Please print the entries below exactly, from the line with "#3=IFCDIRECTION((0.,1.));" through the line with "#35=IFCINDEXEDPOLYGONALFACE((27,29,33,31));", including both of those lines and leaving out all others.
====== EXERCISE DATA ======
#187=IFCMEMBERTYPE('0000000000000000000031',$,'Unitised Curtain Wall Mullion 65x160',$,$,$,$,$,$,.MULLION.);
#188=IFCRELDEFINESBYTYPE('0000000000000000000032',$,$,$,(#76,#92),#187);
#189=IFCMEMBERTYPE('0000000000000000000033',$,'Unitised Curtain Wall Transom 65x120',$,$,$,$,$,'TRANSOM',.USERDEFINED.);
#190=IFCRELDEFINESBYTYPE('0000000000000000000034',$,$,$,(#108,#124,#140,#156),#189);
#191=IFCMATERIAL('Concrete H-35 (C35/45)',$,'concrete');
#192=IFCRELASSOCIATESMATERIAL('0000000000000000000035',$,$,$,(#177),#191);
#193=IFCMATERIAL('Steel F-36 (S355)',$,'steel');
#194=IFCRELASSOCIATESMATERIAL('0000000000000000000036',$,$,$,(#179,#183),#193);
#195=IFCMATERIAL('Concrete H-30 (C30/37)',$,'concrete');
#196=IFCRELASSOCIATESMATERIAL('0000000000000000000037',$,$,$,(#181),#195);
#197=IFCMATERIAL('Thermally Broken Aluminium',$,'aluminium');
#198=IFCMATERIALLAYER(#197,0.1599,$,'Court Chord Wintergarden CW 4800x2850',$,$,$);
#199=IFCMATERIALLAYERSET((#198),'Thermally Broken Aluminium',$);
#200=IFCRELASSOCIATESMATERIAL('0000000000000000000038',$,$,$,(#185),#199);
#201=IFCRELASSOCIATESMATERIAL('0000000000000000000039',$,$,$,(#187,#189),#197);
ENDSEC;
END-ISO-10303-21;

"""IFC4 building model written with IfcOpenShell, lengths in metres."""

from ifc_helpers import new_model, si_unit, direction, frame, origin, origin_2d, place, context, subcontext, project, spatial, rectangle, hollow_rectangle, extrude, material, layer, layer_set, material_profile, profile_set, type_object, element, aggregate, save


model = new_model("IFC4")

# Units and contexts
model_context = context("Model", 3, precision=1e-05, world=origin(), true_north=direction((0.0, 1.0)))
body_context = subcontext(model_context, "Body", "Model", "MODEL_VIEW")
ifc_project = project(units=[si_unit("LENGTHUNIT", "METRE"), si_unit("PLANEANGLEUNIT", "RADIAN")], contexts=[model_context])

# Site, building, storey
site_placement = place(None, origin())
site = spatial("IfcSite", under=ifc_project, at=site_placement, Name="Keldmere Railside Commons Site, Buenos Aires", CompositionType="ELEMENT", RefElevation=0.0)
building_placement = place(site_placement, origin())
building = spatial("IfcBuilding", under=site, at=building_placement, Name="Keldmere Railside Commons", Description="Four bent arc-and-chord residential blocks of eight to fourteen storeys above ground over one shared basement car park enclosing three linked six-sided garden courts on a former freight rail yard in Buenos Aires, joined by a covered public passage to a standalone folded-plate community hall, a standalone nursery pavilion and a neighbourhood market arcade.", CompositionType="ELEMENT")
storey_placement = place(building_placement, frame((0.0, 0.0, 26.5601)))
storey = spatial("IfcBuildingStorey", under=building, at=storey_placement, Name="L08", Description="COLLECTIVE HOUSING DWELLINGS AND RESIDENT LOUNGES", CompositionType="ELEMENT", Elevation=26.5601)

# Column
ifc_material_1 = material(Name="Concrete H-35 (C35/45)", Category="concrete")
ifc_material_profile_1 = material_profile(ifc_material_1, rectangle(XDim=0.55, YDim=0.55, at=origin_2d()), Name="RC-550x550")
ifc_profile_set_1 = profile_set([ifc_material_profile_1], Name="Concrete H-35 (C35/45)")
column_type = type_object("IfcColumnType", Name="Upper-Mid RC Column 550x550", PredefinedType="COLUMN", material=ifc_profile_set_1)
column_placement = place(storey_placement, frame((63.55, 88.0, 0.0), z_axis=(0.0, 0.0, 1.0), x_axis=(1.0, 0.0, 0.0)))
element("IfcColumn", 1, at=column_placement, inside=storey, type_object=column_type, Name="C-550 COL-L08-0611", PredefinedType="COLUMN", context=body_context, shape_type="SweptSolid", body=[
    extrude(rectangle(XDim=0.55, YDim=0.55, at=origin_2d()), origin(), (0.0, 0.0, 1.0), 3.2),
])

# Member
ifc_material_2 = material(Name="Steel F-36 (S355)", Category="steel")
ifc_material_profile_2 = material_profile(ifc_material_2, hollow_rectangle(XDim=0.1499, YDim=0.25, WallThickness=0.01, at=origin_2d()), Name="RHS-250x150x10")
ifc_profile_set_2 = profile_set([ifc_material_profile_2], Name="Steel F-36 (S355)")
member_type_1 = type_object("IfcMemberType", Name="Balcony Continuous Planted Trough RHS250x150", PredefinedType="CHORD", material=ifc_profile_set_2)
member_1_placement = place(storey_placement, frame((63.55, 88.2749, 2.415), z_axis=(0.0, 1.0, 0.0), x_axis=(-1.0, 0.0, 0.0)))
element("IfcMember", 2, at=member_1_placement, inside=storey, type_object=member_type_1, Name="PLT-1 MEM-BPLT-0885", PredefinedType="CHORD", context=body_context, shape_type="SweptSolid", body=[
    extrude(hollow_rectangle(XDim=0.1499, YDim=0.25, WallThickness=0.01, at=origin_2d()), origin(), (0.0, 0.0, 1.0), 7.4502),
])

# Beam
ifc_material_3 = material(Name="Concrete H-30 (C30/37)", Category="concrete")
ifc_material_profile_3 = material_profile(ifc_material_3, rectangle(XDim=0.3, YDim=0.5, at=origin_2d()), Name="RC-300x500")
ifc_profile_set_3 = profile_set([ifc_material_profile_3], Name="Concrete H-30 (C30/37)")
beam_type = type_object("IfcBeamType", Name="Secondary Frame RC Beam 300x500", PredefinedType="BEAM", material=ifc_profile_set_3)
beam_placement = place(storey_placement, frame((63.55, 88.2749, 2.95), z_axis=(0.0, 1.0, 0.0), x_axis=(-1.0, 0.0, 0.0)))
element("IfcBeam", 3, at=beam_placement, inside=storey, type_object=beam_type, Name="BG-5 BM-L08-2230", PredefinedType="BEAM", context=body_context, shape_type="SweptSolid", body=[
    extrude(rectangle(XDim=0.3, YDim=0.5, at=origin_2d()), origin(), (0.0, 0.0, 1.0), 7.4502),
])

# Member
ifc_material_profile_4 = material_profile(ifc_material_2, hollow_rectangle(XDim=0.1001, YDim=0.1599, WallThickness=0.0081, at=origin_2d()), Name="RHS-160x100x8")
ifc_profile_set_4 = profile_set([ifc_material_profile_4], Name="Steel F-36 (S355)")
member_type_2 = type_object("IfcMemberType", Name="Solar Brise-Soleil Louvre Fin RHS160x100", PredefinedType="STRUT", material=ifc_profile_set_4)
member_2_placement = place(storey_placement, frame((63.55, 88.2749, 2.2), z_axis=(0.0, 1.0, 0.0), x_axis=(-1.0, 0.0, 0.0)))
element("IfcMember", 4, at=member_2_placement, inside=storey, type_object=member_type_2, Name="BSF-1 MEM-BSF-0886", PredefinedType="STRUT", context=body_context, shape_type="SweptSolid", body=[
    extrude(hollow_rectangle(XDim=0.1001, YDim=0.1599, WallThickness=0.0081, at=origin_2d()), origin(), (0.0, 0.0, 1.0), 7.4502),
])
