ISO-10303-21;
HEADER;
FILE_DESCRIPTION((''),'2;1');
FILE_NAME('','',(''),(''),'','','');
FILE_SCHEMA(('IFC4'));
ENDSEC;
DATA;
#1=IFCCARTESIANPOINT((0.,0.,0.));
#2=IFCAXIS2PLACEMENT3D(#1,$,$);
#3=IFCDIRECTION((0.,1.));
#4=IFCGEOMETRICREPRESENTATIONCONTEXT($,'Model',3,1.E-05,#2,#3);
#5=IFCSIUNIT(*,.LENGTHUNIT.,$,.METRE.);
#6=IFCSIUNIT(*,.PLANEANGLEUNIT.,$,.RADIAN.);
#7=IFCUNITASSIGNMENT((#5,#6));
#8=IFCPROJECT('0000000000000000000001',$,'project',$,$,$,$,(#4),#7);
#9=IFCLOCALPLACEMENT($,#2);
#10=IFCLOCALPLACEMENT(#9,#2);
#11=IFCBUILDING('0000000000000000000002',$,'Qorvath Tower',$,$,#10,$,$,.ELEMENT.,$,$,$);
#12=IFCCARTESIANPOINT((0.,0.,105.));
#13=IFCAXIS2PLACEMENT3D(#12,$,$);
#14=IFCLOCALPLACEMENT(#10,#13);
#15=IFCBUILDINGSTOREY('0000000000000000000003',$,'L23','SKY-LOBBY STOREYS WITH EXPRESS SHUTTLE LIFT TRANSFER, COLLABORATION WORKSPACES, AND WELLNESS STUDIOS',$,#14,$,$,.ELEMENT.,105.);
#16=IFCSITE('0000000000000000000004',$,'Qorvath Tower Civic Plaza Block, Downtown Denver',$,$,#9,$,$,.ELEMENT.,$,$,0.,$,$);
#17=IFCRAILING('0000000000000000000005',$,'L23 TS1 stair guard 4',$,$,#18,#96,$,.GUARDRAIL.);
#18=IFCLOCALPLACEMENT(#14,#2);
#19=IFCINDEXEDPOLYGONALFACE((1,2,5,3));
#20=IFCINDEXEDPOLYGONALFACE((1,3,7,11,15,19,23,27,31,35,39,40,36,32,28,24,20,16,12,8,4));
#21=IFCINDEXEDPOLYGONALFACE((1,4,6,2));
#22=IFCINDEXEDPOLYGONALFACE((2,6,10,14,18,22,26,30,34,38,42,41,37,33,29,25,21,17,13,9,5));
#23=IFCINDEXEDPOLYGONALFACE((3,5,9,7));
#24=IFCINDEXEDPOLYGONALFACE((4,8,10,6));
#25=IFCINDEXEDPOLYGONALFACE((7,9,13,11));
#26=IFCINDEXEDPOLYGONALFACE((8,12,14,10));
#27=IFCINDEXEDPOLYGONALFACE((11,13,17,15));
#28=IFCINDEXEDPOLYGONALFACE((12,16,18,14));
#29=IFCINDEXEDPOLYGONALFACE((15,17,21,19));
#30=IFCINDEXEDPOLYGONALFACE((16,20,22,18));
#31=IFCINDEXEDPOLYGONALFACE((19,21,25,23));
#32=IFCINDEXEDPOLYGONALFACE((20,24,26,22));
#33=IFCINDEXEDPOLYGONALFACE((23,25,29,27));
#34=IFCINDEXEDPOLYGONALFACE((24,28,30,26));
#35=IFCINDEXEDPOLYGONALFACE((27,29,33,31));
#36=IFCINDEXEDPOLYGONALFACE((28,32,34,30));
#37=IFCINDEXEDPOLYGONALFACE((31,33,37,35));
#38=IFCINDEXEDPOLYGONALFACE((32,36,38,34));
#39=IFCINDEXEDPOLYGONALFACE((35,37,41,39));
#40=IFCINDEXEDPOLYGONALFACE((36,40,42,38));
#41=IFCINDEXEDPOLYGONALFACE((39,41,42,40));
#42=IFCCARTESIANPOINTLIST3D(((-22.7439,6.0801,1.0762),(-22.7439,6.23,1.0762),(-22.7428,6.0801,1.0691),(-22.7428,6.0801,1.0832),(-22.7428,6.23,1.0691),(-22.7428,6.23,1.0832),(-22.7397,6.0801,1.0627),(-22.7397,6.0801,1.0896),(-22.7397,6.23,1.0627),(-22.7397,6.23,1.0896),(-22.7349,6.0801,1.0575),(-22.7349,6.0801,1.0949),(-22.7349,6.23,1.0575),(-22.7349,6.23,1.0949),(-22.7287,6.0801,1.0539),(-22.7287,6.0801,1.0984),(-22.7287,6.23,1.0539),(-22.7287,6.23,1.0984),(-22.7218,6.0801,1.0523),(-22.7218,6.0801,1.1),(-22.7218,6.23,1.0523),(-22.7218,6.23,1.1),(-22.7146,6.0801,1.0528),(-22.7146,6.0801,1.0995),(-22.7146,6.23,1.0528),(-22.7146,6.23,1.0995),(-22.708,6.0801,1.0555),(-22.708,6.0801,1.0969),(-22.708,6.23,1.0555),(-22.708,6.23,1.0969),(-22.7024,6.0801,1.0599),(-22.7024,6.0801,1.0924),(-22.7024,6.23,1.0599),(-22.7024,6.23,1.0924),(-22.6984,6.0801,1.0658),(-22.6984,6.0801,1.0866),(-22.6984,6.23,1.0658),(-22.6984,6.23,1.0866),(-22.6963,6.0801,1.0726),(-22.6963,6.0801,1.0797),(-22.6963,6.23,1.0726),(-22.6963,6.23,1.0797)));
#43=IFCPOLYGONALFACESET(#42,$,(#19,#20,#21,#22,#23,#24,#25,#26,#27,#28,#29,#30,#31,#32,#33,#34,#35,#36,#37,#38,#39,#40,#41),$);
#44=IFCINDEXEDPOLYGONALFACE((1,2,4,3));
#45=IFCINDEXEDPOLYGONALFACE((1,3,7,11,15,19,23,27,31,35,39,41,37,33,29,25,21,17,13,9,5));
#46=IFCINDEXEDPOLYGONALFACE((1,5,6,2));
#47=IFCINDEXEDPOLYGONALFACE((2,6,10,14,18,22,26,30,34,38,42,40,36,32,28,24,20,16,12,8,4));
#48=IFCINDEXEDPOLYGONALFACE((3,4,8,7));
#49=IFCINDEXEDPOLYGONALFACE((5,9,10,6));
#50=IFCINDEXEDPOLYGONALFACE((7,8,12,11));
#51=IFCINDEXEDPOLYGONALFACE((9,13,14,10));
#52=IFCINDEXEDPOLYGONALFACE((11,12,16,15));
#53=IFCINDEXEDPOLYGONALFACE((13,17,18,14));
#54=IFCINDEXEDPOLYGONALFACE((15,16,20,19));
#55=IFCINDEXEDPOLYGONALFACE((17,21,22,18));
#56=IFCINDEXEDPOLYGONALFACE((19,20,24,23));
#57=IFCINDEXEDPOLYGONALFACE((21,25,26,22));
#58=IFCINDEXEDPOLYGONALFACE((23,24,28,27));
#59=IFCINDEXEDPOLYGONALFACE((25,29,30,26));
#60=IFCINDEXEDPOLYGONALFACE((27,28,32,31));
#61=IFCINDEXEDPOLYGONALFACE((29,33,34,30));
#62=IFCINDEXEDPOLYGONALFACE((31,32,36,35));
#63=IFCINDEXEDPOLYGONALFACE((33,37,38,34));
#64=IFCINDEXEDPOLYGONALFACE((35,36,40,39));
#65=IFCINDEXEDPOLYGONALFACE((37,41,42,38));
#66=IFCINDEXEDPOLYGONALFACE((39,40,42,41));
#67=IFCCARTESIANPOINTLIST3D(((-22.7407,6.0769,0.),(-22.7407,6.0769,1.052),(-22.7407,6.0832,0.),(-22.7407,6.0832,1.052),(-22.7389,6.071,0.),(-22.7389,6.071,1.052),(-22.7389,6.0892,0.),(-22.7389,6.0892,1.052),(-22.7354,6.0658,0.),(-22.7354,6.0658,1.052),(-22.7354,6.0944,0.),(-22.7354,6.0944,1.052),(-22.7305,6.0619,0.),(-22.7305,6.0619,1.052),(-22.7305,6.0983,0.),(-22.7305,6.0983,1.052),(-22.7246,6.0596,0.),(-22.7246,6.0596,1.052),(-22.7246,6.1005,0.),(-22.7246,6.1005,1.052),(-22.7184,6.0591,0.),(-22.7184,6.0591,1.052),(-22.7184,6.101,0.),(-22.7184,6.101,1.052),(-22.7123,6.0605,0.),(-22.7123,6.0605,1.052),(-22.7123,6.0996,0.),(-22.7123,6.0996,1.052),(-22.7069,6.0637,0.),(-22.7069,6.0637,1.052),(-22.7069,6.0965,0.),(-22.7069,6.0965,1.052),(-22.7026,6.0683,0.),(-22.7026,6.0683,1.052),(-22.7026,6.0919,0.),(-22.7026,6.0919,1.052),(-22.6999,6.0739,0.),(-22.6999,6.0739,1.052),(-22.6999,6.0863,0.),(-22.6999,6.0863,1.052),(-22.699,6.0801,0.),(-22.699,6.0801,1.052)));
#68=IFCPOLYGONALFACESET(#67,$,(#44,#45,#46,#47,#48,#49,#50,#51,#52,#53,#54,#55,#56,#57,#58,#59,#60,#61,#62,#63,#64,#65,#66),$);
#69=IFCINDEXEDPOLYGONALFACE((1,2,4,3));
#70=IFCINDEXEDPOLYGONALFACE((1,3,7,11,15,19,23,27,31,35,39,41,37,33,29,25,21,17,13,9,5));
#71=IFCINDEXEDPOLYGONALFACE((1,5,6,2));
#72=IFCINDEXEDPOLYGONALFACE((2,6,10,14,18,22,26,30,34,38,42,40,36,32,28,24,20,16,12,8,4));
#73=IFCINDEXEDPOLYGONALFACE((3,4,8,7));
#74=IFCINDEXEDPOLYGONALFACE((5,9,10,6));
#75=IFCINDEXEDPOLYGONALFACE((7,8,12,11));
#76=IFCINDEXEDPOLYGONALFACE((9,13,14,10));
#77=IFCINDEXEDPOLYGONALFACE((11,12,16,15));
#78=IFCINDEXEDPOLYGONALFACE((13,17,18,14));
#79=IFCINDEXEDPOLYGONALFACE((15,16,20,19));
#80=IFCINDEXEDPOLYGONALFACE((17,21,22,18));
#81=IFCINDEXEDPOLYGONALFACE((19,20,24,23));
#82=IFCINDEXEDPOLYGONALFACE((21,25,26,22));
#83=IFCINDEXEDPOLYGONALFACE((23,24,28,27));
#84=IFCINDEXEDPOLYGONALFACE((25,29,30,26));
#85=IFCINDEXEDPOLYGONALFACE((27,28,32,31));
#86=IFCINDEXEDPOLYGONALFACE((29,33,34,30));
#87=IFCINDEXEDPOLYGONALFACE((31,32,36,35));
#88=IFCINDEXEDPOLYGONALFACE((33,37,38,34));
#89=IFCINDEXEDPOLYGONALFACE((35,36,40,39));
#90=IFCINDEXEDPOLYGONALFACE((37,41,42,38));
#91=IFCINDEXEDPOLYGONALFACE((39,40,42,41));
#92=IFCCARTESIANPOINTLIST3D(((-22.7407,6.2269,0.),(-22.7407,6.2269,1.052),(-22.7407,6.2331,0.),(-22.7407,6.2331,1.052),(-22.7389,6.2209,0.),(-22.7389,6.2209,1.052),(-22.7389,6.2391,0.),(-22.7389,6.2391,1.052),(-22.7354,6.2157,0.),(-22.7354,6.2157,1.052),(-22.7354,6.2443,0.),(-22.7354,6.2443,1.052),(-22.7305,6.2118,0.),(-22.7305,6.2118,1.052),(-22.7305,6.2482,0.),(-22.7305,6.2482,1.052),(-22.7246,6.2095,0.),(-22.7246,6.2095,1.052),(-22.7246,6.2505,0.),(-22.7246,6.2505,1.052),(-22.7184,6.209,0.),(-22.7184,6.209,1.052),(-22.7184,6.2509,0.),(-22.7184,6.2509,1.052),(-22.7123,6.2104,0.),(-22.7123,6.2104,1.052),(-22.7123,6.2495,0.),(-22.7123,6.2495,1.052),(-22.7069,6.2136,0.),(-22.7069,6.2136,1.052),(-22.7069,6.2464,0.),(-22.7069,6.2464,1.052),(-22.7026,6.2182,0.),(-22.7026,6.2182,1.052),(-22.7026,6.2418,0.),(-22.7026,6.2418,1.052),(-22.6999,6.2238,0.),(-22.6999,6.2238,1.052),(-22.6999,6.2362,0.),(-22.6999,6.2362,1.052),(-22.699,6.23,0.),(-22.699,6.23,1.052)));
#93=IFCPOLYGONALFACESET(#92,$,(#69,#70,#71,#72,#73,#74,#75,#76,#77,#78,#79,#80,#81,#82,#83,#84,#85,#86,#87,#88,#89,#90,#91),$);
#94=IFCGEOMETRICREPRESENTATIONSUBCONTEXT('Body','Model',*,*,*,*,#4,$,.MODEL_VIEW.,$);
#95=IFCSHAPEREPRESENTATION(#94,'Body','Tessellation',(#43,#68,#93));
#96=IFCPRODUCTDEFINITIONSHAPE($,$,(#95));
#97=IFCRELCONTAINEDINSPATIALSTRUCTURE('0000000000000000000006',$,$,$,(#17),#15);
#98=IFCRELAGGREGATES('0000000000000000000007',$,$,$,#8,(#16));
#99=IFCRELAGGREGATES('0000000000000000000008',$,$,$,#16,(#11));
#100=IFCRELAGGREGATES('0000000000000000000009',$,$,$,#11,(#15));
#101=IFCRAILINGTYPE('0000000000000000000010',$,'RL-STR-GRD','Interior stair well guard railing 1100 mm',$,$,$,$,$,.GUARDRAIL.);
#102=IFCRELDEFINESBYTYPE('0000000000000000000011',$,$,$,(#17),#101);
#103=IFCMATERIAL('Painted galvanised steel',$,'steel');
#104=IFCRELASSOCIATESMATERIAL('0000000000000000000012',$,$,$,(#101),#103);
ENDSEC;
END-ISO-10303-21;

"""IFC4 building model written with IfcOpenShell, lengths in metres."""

from ifc_helpers import new_model, si_unit, direction, frame, origin, origin_2d, place, context, subcontext, project, spatial, circle, extrude, material, type_object, element, save


model = new_model("IFC4")

# Units and contexts
model_context = context("Model", 3, precision=1e-05, world=origin(), true_north=direction((0.0, 1.0)))
body_context = subcontext(model_context, "Body", "Model", "MODEL_VIEW")
ifc_project = project(units=[si_unit("LENGTHUNIT", "METRE"), si_unit("PLANEANGLEUNIT", "RADIAN")], contexts=[model_context])

# Site, building, storey
site_placement = place(None, origin())
site = spatial("IfcSite", under=ifc_project, at=site_placement, Name="Qorvath Tower Civic Plaza Block, Downtown Denver", CompositionType="ELEMENT", RefElevation=0.0)
building_placement = place(site_placement, origin())
building = spatial("IfcBuilding", under=site, at=building_placement, Name="Qorvath Tower", CompositionType="ELEMENT")
storey_placement = place(building_placement, frame((0.0, 0.0, 105.0)))
storey = spatial("IfcBuildingStorey", under=building, at=storey_placement, Name="L23", Description="SKY-LOBBY STOREYS WITH EXPRESS SHUTTLE LIFT TRANSFER, COLLABORATION WORKSPACES, AND WELLNESS STUDIOS", CompositionType="ELEMENT", Elevation=105.0)

# Railing
ifc_material_1 = material(Name="Painted galvanised steel", Category="steel")
railing_type_1 = type_object("IfcRailingType", Name="RL-STR-GRD", Description="Interior stair well guard railing 1100 mm", PredefinedType="GUARDRAIL", material=ifc_material_1)
railing_1_placement = place(storey_placement, frame((-22.72, 6.0801, 0.0)))
element("IfcRailing", 1, at=railing_1_placement, inside=storey, type_object=railing_type_1, Name="L23 TS1 stair guard 4", PredefinedType="GUARDRAIL", context=body_context, shape_type="SweptSolid", body=[
    extrude(circle(Radius=0.0239, at=origin_2d()), frame((0.0, 0.0, 1.0762), z_axis=(0.0, 1.0, 0.0), x_axis=(-1.0, 0.0, 0.0)), (0.0, 0.0, 1.0), 0.1499),
    extrude(circle(Radius=0.021, at=origin_2d()), origin(), (0.0, 0.0, 1.0), 1.052),
    extrude(circle(Radius=0.021, at=origin_2d()), frame((0.0, 0.1499, 0.0)), (0.0, 0.0, 1.0), 1.052),
])

save(model, "model.ifc")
======
== EXERCISE SOLUTION ==
#3=IFCDIRECTION((0.,1.));
#4=IFCGEOMETRICREPRESENTATIONCONTEXT($,'Model',3,1.E-05,#2,#3);
#5=IFCSIUNIT(*,.LENGTHUNIT.,$,.METRE.);
#6=IFCSIUNIT(*,.PLANEANGLEUNIT.,$,.RADIAN.);
#7=IFCUNITASSIGNMENT((#5,#6));
#8=IFCPROJECT('0000000000000000000001',$,'project',$,$,$,$,(#4),#7);
#9=IFCLOCALPLACEMENT($,#2);
#10=IFCLOCALPLACEMENT(#9,#2);
#11=IFCBUILDING('0000000000000000000002',$,'Qorvath Tower',$,$,#10,$,$,.ELEMENT.,$,$,$);
#12=IFCCARTESIANPOINT((0.,0.,105.));
#13=IFCAXIS2PLACEMENT3D(#12,$,$);
#14=IFCLOCALPLACEMENT(#10,#13);
#15=IFCBUILDINGSTOREY('0000000000000000000003',$,'L23','SKY-LOBBY STOREYS WITH EXPRESS SHUTTLE LIFT TRANSFER, COLLABORATION WORKSPACES, AND WELLNESS STUDIOS',$,#14,$,$,.ELEMENT.,105.);
#16=IFCSITE('0000000000000000000004',$,'Qorvath Tower Civic Plaza Block, Downtown Denver',$,$,#9,$,$,.ELEMENT.,$,$,0.,$,$);
#17=IFCRAILING('0000000000000000000005',$,'L23 TS1 stair guard 4',$,$,#18,#96,$,.GUARDRAIL.);
#18=IFCLOCALPLACEMENT(#14,#2);
#19=IFCINDEXEDPOLYGONALFACE((1,2,5,3));
#20=IFCINDEXEDPOLYGONALFACE((1,3,7,11,15,19,23,27,31,35,39,40,36,32,28,24,20,16,12,8,4));
#21=IFCINDEXEDPOLYGONALFACE((1,4,6,2));
#22=IFCINDEXEDPOLYGONALFACE((2,6,10,14,18,22,26,30,34,38,42,41,37,33,29,25,21,17,13,9,5));
#23=IFCINDEXEDPOLYGONALFACE((3,5,9,7));
#24=IFCINDEXEDPOLYGONALFACE((4,8,10,6));
#25=IFCINDEXEDPOLYGONALFACE((7,9,13,11));
#26=IFCINDEXEDPOLYGONALFACE((8,12,14,10));
#27=IFCINDEXEDPOLYGONALFACE((11,13,17,15));
#28=IFCINDEXEDPOLYGONALFACE((12,16,18,14));
#29=IFCINDEXEDPOLYGONALFACE((15,17,21,19));
#30=IFCINDEXEDPOLYGONALFACE((16,20,22,18));
#31=IFCINDEXEDPOLYGONALFACE((19,21,25,23));
#32=IFCINDEXEDPOLYGONALFACE((20,24,26,22));
#33=IFCINDEXEDPOLYGONALFACE((23,25,29,27));
#34=IFCINDEXEDPOLYGONALFACE((24,28,30,26));
#35=IFCINDEXEDPOLYGONALFACE((27,29,33,31));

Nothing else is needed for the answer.